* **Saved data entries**
——
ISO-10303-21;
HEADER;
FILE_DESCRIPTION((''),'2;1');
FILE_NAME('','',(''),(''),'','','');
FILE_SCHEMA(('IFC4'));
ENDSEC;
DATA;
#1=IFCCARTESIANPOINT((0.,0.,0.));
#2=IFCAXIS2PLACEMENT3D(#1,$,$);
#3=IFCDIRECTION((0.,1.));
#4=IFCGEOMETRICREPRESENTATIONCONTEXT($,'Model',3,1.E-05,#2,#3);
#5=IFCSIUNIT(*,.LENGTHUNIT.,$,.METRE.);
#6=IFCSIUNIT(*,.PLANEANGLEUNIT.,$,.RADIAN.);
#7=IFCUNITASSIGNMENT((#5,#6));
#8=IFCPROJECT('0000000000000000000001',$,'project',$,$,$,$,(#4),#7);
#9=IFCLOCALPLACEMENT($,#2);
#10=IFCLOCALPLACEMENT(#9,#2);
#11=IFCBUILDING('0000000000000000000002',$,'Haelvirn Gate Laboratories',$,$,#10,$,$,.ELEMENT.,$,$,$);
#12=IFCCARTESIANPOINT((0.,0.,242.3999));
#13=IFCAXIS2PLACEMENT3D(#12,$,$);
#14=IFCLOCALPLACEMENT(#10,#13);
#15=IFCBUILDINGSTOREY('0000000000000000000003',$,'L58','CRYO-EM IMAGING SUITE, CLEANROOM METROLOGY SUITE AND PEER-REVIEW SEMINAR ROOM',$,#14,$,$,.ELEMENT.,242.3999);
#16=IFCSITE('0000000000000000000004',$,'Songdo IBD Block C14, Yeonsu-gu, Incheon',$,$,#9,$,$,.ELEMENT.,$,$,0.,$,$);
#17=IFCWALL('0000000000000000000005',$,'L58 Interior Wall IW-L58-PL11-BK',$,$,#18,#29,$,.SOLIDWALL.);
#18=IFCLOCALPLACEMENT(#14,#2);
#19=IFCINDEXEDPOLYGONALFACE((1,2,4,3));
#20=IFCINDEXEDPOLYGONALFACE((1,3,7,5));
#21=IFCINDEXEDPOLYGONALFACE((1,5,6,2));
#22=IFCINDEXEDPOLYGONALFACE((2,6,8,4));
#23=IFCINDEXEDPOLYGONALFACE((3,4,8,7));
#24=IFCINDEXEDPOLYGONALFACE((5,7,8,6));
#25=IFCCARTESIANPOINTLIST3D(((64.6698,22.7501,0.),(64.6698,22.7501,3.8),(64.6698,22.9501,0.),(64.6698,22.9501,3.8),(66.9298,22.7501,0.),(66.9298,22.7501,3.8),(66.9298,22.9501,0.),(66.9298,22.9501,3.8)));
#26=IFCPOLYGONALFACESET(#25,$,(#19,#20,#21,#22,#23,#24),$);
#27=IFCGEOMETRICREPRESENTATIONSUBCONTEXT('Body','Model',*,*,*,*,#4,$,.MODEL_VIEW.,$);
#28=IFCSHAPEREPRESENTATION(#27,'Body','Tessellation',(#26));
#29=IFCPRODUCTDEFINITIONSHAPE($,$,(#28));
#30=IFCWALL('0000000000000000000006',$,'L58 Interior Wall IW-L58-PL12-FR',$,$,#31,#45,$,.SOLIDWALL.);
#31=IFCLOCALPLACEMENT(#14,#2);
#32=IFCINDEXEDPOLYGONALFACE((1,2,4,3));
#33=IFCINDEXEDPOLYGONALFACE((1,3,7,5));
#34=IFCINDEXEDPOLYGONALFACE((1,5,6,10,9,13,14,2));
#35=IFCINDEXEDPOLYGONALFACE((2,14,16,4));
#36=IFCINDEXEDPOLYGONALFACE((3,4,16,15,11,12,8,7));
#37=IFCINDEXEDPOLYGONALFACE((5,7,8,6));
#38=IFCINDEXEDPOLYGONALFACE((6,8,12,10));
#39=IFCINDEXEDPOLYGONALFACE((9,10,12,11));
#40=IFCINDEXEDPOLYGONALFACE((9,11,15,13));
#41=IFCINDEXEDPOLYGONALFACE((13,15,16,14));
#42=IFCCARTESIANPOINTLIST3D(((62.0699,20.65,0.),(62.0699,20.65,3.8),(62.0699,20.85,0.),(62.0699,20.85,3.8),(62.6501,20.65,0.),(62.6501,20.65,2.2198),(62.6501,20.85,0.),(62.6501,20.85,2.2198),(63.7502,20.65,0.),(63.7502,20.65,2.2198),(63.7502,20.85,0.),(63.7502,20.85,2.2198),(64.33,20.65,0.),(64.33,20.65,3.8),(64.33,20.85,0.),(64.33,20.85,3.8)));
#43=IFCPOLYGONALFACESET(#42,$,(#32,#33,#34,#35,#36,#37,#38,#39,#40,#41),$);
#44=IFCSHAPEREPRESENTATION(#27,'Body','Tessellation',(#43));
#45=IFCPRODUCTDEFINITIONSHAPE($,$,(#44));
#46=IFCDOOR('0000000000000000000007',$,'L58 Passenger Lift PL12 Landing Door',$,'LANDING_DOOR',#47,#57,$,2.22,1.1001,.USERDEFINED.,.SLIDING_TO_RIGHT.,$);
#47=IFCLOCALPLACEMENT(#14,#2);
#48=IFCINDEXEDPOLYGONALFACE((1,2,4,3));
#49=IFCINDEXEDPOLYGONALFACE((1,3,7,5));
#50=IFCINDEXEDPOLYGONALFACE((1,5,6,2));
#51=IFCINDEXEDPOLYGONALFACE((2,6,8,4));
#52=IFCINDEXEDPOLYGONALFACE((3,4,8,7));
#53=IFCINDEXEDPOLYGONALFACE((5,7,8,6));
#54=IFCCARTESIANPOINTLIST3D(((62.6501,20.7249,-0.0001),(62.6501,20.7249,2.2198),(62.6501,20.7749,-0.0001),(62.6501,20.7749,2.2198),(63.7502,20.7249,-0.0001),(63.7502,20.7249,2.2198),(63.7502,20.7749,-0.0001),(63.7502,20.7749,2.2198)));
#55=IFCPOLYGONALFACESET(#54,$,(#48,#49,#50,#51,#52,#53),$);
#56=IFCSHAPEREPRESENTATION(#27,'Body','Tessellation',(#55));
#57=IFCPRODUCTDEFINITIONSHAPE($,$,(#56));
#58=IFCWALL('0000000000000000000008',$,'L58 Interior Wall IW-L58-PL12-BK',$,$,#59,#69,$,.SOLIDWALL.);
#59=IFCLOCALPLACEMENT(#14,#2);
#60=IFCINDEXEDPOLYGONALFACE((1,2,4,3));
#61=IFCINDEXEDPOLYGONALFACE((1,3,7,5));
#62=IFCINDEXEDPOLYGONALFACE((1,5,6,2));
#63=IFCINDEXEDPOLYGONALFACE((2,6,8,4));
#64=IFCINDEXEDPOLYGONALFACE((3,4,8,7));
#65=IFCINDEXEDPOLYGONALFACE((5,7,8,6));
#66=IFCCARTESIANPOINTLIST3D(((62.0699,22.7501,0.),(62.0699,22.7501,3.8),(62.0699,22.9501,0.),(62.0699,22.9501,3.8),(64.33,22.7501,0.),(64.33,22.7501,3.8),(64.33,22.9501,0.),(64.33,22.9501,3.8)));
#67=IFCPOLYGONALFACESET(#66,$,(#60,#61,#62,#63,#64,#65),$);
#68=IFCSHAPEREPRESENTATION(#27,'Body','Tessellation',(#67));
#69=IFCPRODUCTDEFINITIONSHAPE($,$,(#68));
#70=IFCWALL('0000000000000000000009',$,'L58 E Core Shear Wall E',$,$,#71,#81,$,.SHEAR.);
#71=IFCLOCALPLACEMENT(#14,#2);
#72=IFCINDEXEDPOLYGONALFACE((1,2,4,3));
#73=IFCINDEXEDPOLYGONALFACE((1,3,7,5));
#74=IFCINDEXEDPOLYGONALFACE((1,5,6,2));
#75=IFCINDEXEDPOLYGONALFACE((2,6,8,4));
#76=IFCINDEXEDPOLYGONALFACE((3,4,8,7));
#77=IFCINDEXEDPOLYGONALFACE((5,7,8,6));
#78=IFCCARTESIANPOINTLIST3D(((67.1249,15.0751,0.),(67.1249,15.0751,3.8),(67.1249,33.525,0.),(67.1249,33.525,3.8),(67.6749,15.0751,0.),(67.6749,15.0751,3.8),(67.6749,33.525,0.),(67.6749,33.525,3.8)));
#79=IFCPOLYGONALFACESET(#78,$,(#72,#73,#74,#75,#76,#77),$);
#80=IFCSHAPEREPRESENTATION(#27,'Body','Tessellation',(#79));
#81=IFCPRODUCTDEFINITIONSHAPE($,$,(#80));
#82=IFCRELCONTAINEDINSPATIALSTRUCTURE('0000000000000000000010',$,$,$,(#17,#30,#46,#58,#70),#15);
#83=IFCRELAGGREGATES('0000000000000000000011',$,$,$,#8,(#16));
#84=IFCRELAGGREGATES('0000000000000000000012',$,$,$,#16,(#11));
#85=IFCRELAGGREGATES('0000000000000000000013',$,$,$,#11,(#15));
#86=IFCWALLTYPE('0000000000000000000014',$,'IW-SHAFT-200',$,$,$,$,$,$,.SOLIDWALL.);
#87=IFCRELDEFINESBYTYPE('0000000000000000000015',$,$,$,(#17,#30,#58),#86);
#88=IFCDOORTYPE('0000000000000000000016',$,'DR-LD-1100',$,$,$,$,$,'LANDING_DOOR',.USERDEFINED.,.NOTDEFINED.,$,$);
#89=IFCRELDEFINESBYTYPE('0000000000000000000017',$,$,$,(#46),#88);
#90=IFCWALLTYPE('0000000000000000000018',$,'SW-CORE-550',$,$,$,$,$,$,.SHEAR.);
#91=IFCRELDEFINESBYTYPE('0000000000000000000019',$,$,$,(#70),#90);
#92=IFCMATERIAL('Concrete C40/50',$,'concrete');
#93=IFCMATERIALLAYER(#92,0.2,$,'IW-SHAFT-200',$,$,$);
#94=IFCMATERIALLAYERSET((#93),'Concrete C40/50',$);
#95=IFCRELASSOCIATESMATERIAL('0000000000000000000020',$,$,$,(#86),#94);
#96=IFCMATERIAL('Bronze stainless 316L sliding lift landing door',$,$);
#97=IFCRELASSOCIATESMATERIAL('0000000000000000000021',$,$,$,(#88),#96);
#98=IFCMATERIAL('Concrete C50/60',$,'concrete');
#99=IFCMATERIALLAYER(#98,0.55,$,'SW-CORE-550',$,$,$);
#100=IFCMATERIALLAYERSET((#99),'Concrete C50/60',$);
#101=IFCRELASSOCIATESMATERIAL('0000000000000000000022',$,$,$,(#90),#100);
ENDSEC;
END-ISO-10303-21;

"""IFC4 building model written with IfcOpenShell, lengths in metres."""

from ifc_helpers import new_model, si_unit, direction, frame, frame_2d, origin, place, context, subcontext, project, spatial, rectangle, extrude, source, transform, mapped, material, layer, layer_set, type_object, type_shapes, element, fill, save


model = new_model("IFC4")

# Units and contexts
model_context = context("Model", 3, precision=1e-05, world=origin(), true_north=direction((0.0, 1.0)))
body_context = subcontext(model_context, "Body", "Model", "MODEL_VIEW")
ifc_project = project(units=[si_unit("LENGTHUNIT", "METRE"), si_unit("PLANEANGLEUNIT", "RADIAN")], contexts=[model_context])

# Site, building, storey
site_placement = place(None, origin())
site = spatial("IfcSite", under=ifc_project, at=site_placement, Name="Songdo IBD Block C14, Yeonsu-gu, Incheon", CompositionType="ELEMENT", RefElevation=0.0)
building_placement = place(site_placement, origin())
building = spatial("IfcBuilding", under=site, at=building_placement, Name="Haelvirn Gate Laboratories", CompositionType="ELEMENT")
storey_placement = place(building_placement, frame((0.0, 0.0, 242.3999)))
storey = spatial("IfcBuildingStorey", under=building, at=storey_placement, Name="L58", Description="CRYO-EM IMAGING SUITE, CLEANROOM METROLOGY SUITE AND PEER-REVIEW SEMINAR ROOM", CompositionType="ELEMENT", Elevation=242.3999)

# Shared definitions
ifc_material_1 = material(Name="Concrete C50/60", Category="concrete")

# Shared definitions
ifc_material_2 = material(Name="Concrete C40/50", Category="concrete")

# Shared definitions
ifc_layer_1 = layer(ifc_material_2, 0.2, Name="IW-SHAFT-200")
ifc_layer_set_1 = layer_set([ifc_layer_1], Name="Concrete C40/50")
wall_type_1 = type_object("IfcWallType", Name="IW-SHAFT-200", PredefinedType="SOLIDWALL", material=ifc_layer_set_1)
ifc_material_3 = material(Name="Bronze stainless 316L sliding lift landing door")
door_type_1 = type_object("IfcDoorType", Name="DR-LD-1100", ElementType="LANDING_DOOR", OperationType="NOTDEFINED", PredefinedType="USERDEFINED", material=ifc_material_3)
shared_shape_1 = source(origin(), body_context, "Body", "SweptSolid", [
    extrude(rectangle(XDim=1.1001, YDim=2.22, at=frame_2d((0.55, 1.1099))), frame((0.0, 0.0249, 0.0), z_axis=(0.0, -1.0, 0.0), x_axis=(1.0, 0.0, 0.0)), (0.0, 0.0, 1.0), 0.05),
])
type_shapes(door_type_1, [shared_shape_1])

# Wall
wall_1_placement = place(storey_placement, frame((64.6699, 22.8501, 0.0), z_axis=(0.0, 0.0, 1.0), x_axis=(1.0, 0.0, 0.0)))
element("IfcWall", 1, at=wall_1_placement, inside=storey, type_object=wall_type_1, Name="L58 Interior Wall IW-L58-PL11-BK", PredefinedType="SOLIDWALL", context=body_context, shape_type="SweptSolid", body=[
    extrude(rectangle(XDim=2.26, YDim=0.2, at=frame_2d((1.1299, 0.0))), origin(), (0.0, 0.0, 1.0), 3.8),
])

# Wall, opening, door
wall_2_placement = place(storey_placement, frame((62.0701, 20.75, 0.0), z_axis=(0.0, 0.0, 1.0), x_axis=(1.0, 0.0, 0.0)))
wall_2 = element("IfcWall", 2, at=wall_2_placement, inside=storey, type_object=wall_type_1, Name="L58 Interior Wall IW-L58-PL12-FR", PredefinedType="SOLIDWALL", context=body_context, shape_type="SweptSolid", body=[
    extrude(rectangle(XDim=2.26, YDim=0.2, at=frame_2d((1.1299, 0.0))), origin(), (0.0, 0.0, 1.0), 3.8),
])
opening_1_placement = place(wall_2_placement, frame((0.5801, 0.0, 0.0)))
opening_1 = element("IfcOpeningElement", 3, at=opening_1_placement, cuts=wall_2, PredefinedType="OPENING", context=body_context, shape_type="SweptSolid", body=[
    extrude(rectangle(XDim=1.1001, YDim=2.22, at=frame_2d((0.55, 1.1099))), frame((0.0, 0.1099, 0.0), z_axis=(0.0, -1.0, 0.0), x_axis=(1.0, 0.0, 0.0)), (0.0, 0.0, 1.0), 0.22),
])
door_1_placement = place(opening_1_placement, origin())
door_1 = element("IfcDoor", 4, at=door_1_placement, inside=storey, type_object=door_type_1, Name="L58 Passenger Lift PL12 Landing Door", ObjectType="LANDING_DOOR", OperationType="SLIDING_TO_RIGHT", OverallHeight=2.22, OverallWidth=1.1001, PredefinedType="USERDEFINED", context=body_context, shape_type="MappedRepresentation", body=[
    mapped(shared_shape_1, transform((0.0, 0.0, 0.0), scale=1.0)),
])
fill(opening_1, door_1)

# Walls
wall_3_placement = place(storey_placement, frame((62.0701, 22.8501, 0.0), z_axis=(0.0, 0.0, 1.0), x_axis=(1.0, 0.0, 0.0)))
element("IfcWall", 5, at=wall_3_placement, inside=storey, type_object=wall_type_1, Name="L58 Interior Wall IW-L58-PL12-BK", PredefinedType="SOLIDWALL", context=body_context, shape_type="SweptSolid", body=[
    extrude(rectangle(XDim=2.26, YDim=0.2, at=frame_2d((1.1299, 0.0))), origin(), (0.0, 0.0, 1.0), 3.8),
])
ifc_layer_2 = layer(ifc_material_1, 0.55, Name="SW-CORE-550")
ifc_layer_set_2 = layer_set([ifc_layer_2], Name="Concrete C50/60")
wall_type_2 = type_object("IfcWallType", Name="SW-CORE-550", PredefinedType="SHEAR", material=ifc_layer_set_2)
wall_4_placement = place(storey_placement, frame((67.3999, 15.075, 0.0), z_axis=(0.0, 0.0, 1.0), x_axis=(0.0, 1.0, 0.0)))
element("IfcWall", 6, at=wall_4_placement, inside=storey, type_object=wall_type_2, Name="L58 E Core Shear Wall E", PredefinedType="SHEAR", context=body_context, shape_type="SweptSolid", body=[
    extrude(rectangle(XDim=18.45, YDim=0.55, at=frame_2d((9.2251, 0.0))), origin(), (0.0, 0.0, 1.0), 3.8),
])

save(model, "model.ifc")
——
* **What you should do**
Among the entries above, the lines between the ones containing "#70=IFCWALL('0000000000000000000009',$,'L58 E Core" and "#77=IFCINDEXEDPOLYGONALFACE((5,7,8,6));", inclusive, are to be transcribed exactly. No other line is to be given.

* **Response area**
#70=IFCWALL('0000000000000000000009',$,'L58 E Core Shear Wall E',$,$,#71,#81,$,.SHEAR.);
#71=IFCLOCALPLACEMENT(#14,#2);
#72=IFCINDEXEDPOLYGONALFACE((1,2,4,3));
#73=IFCINDEXEDPOLYGONALFACE((1,3,7,5));
#74=IFCINDEXEDPOLYGONALFACE((1,5,6,2));
#75=IFCINDEXEDPOLYGONALFACE((2,6,8,4));
#76=IFCINDEXEDPOLYGONALFACE((3,4,8,7));
#77=IFCINDEXEDPOLYGONALFACE((5,7,8,6));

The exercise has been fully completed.